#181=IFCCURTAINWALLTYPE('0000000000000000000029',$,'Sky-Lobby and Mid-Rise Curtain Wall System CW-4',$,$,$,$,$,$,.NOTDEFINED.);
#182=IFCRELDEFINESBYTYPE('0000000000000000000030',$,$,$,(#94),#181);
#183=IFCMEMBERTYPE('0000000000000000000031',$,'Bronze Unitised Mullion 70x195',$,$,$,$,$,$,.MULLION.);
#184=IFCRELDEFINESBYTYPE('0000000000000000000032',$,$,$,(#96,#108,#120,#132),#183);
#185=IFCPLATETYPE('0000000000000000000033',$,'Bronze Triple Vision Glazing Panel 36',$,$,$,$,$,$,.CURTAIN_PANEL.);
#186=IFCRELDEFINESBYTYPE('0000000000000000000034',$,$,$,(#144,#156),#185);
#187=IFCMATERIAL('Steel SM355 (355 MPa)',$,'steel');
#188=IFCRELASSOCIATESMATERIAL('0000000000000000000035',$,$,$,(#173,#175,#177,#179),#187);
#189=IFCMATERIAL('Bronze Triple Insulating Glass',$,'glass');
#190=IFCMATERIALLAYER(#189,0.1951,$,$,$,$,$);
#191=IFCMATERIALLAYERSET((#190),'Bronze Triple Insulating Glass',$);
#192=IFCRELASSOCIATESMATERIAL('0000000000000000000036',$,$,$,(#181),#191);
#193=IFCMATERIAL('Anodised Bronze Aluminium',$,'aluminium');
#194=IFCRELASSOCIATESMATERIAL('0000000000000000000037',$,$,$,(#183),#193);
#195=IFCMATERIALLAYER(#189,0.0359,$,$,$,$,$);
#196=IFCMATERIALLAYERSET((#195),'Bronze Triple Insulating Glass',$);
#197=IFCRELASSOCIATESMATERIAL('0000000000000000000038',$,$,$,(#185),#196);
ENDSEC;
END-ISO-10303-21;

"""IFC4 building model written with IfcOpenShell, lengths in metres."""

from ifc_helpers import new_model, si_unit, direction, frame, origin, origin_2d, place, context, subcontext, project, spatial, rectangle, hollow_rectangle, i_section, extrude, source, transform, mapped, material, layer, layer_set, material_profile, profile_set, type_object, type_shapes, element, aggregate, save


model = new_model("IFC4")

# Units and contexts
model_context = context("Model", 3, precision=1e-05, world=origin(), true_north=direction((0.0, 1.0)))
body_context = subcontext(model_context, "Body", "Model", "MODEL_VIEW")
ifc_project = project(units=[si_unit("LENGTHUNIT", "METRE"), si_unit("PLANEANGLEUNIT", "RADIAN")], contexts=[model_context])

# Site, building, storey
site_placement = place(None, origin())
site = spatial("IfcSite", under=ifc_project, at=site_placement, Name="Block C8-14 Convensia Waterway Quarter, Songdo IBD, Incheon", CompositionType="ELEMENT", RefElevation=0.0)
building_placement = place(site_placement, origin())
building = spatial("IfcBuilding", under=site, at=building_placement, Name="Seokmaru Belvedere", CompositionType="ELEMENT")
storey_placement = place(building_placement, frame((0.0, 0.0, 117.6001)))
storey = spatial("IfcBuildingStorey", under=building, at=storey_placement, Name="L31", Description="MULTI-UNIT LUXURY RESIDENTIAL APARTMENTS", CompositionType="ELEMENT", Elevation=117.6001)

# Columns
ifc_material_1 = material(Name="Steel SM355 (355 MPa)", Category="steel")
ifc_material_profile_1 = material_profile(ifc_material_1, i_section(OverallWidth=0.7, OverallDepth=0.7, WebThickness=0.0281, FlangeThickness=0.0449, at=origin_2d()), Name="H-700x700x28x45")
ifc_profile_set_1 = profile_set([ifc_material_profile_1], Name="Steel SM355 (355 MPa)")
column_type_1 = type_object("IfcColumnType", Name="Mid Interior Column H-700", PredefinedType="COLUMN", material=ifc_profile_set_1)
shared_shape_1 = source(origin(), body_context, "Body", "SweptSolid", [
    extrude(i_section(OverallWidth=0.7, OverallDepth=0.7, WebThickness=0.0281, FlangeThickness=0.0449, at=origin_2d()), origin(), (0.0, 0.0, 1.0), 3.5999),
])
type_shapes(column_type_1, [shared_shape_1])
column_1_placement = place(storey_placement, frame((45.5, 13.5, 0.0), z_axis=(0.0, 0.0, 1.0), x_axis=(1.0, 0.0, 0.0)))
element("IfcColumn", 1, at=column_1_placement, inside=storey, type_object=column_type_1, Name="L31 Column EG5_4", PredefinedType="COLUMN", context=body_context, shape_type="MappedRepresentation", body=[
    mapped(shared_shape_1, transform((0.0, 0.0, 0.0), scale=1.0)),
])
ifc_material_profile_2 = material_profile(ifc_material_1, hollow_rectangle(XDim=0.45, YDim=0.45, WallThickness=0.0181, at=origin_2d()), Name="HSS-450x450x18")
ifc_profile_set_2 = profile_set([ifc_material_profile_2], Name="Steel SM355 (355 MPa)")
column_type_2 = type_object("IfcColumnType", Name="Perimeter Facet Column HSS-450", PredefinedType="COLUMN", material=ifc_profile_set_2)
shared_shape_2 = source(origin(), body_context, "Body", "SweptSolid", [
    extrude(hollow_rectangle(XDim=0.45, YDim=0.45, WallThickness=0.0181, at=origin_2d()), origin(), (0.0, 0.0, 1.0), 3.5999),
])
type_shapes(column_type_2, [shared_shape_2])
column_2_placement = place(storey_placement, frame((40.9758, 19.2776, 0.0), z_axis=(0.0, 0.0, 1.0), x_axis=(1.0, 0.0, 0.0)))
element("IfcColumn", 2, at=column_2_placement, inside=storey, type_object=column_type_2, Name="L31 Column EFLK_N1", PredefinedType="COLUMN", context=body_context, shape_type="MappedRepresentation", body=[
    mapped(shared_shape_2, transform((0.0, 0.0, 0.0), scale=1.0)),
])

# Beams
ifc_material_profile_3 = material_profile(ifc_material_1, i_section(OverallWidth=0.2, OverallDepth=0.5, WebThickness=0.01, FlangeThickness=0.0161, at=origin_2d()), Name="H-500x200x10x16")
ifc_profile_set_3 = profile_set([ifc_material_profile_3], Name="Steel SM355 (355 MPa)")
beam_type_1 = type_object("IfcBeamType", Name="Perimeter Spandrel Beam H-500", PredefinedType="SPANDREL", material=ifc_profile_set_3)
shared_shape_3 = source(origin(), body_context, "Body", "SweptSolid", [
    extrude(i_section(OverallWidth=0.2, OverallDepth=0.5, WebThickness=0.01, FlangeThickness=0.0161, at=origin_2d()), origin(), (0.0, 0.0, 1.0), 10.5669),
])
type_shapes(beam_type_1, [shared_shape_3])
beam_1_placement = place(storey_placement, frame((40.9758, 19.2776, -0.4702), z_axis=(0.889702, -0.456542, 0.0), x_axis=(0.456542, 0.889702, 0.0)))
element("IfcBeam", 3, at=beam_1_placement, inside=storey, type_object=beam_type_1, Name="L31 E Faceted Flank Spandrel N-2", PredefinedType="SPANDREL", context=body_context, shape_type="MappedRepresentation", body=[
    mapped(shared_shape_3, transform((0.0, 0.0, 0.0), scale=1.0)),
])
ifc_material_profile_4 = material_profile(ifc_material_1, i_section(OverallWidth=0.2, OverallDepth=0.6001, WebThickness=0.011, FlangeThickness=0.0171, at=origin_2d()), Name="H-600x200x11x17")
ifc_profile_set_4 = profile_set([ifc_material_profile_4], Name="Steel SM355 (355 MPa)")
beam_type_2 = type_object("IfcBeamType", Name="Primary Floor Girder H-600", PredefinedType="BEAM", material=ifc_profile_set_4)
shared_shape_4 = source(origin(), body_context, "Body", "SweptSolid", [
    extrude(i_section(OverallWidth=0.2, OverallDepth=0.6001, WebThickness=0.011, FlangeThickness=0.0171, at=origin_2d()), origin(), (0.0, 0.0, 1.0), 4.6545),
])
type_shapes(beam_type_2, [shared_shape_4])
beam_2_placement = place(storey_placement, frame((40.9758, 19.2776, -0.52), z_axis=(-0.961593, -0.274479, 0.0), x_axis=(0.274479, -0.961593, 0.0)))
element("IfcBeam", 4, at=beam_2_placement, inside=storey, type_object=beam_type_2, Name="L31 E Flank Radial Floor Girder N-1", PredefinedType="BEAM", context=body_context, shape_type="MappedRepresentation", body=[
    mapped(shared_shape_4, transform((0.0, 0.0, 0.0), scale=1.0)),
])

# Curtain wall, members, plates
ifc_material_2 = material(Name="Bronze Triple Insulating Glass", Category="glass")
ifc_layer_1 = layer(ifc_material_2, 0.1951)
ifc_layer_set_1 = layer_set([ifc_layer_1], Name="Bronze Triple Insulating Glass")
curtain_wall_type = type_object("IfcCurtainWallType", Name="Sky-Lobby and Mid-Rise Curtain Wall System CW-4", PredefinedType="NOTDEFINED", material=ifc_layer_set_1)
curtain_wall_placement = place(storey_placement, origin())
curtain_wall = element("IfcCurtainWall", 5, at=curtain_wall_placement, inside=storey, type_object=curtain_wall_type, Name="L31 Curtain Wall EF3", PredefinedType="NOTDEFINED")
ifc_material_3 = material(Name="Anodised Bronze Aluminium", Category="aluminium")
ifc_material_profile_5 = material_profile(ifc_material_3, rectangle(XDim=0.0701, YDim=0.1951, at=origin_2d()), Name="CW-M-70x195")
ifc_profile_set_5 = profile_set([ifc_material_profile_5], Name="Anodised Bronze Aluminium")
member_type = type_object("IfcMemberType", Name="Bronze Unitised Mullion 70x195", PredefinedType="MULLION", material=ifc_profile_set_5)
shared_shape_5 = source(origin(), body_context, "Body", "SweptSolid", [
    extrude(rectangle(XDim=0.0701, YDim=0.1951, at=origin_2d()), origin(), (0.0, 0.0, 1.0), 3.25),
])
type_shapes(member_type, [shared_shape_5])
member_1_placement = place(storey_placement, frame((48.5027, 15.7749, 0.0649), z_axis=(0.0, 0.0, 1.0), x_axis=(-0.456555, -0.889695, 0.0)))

> _Required work_
Filter the listing for the word "transform" and copy each line that has it.

> _Response_
from ifc_helpers import new_model, si_unit, direction, frame, origin, origin_2d, place, context, subcontext, project, spatial, rectangle, hollow_rectangle, i_section, extrude, source, transform, mapped, material, layer, layer_set, material_profile, profile_set, type_object, type_shapes, element, aggregate, save
    mapped(shared_shape_1, transform((0.0, 0.0, 0.0), scale=1.0)),
    mapped(shared_shape_2, transform((0.0, 0.0, 0.0), scale=1.0)),
    mapped(shared_shape_3, transform((0.0, 0.0, 0.0), scale=1.0)),
    mapped(shared_shape_4, transform((0.0, 0.0, 0.0), scale=1.0)),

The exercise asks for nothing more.